Start of Given records

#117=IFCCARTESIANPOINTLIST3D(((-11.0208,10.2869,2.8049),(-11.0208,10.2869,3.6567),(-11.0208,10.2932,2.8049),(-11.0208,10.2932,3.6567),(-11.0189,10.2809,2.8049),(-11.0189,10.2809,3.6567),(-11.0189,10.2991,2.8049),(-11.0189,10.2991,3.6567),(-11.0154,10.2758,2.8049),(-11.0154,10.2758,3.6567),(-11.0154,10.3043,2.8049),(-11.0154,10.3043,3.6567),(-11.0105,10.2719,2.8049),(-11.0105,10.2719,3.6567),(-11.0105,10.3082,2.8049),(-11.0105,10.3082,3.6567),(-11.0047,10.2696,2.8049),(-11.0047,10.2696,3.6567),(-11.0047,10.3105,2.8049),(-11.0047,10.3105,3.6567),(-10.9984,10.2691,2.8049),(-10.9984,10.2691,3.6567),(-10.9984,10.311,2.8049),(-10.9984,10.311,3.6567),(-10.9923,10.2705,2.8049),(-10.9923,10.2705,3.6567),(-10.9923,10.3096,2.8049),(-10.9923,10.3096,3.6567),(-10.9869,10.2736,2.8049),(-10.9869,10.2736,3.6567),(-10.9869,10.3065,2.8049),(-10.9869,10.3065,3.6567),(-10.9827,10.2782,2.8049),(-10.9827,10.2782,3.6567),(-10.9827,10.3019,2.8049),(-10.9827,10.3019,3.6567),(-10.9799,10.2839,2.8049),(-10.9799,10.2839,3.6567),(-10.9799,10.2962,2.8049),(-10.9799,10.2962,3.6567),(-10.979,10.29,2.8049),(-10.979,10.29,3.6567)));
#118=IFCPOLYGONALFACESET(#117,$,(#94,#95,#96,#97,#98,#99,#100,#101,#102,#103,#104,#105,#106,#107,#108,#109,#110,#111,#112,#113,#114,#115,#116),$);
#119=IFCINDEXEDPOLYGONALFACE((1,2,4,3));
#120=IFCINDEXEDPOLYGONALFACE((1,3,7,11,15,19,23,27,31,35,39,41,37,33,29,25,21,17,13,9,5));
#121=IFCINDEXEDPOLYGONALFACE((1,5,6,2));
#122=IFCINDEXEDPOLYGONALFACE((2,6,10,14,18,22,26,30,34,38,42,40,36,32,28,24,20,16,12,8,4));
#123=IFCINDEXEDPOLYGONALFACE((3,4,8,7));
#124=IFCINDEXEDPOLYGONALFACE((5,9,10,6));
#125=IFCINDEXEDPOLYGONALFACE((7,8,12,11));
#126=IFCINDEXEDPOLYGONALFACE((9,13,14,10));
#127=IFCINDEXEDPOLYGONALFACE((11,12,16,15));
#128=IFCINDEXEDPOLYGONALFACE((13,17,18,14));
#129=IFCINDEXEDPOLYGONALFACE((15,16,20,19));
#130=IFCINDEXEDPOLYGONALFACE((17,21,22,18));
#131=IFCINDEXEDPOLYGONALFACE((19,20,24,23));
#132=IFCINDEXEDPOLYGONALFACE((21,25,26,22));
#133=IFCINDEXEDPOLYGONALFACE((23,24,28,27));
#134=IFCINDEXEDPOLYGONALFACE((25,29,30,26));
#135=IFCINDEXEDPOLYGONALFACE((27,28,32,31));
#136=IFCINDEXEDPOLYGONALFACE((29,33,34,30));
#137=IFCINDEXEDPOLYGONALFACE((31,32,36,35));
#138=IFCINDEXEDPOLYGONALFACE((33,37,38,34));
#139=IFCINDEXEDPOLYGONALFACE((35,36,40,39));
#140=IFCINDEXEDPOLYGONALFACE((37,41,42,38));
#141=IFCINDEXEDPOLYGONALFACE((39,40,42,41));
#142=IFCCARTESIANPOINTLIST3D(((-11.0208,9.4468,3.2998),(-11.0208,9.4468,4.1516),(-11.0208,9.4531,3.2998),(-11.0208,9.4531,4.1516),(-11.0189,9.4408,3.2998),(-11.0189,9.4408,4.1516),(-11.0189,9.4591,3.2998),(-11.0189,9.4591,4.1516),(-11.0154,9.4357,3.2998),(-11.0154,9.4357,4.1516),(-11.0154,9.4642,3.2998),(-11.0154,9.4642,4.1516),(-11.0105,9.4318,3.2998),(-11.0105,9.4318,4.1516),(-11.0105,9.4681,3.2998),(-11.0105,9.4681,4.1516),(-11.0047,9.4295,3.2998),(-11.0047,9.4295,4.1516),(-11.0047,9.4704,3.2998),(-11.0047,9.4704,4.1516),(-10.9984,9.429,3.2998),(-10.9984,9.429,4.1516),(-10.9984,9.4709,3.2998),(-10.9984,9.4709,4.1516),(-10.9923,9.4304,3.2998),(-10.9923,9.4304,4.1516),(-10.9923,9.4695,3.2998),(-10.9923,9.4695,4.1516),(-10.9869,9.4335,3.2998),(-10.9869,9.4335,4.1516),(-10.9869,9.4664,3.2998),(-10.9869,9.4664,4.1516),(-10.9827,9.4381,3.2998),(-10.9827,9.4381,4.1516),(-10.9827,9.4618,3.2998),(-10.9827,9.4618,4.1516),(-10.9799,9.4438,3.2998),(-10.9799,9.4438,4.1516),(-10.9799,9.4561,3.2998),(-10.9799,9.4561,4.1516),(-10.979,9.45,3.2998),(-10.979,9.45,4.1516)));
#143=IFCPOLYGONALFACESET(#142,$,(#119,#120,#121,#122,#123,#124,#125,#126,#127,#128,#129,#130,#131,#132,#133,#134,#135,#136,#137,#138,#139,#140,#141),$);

End of Given records

**Aim of the exercise:**
Reproduce the material exactly, with every line intact.

**Response to the exercise:**
#117=IFCCARTESIANPOINTLIST3D(((-11.0208,10.2869,2.8049),(-11.0208,10.2869,3.6567),(-11.0208,10.2932,2.8049),(-11.0208,10.2932,3.6567),(-11.0189,10.2809,2.8049),(-11.0189,10.2809,3.6567),(-11.0189,10.2991,2.8049),(-11.0189,10.2991,3.6567),(-11.0154,10.2758,2.8049),(-11.0154,10.2758,3.6567),(-11.0154,10.3043,2.8049),(-11.0154,10.3043,3.6567),(-11.0105,10.2719,2.8049),(-11.0105,10.2719,3.6567),(-11.0105,10.3082,2.8049),(-11.0105,10.3082,3.6567),(-11.0047,10.2696,2.8049),(-11.0047,10.2696,3.6567),(-11.0047,10.3105,2.8049),(-11.0047,10.3105,3.6567),(-10.9984,10.2691,2.8049),(-10.9984,10.2691,3.6567),(-10.9984,10.311,2.8049),(-10.9984,10.311,3.6567),(-10.9923,10.2705,2.8049),(-10.9923,10.2705,3.6567),(-10.9923,10.3096,2.8049),(-10.9923,10.3096,3.6567),(-10.9869,10.2736,2.8049),(-10.9869,10.2736,3.6567),(-10.9869,10.3065,2.8049),(-10.9869,10.3065,3.6567),(-10.9827,10.2782,2.8049),(-10.9827,10.2782,3.6567),(-10.9827,10.3019,2.8049),(-10.9827,10.3019,3.6567),(-10.9799,10.2839,2.8049),(-10.9799,10.2839,3.6567),(-10.9799,10.2962,2.8049),(-10.9799,10.2962,3.6567),(-10.979,10.29,2.8049),(-10.979,10.29,3.6567)));
#118=IFCPOLYGONALFACESET(#117,$,(#94,#95,#96,#97,#98,#99,#100,#101,#102,#103,#104,#105,#106,#107,#108,#109,#110,#111,#112,#113,#114,#115,#116),$);
#119=IFCINDEXEDPOLYGONALFACE((1,2,4,3));
#120=IFCINDEXEDPOLYGONALFACE((1,3,7,11,15,19,23,27,31,35,39,41,37,33,29,25,21,17,13,9,5));
#121=IFCINDEXEDPOLYGONALFACE((1,5,6,2));
#122=IFCINDEXEDPOLYGONALFACE((2,6,10,14,18,22,26,30,34,38,42,40,36,32,28,24,20,16,12,8,4));
#123=IFCINDEXEDPOLYGONALFACE((3,4,8,7));
#124=IFCINDEXEDPOLYGONALFACE((5,9,10,6));
#125=IFCINDEXEDPOLYGONALFACE((7,8,12,11));
#126=IFCINDEXEDPOLYGONALFACE((9,13,14,10));
#127=IFCINDEXEDPOLYGONALFACE((11,12,16,15));
#128=IFCINDEXEDPOLYGONALFACE((13,17,18,14));
#129=IFCINDEXEDPOLYGONALFACE((15,16,20,19));
#130=IFCINDEXEDPOLYGONALFACE((17,21,22,18));
#131=IFCINDEXEDPOLYGONALFACE((19,20,24,23));
#132=IFCINDEXEDPOLYGONALFACE((21,25,26,22));
#133=IFCINDEXEDPOLYGONALFACE((23,24,28,27));
#134=IFCINDEXEDPOLYGONALFACE((25,29,30,26));
#135=IFCINDEXEDPOLYGONALFACE((27,28,32,31));
#136=IFCINDEXEDPOLYGONALFACE((29,33,34,30));
#137=IFCINDEXEDPOLYGONALFACE((31,32,36,35));
#138=IFCINDEXEDPOLYGONALFACE((33,37,38,34));
#139=IFCINDEXEDPOLYGONALFACE((35,36,40,39));
#140=IFCINDEXEDPOLYGONALFACE((37,41,42,38));
#141=IFCINDEXEDPOLYGONALFACE((39,40,42,41));
#142=IFCCARTESIANPOINTLIST3D(((-11.0208,9.4468,3.2998),(-11.0208,9.4468,4.1516),(-11.0208,9.4531,3.2998),(-11.0208,9.4531,4.1516),(-11.0189,9.4408,3.2998),(-11.0189,9.4408,4.1516),(-11.0189,9.4591,3.2998),(-11.0189,9.4591,4.1516),(-11.0154,9.4357,3.2998),(-11.0154,9.4357,4.1516),(-11.0154,9.4642,3.2998),(-11.0154,9.4642,4.1516),(-11.0105,9.4318,3.2998),(-11.0105,9.4318,4.1516),(-11.0105,9.4681,3.2998),(-11.0105,9.4681,4.1516),(-11.0047,9.4295,3.2998),(-11.0047,9.4295,4.1516),(-11.0047,9.4704,3.2998),(-11.0047,9.4704,4.1516),(-10.9984,9.429,3.2998),(-10.9984,9.429,4.1516),(-10.9984,9.4709,3.2998),(-10.9984,9.4709,4.1516),(-10.9923,9.4304,3.2998),(-10.9923,9.4304,4.1516),(-10.9923,9.4695,3.2998),(-10.9923,9.4695,4.1516),(-10.9869,9.4335,3.2998),(-10.9869,9.4335,4.1516),(-10.9869,9.4664,3.2998),(-10.9869,9.4664,4.1516),(-10.9827,9.4381,3.2998),(-10.9827,9.4381,4.1516),(-10.9827,9.4618,3.2998),(-10.9827,9.4618,4.1516),(-10.9799,9.4438,3.2998),(-10.9799,9.4438,4.1516),(-10.9799,9.4561,3.2998),(-10.9799,9.4561,4.1516),(-10.979,9.45,3.2998),(-10.979,9.45,4.1516)));
#143=IFCPOLYGONALFACESET(#142,$,(#119,#120,#121,#122,#123,#124,#125,#126,#127,#128,#129,#130,#131,#132,#133,#134,#135,#136,#137,#138,#139,#140,#141),$);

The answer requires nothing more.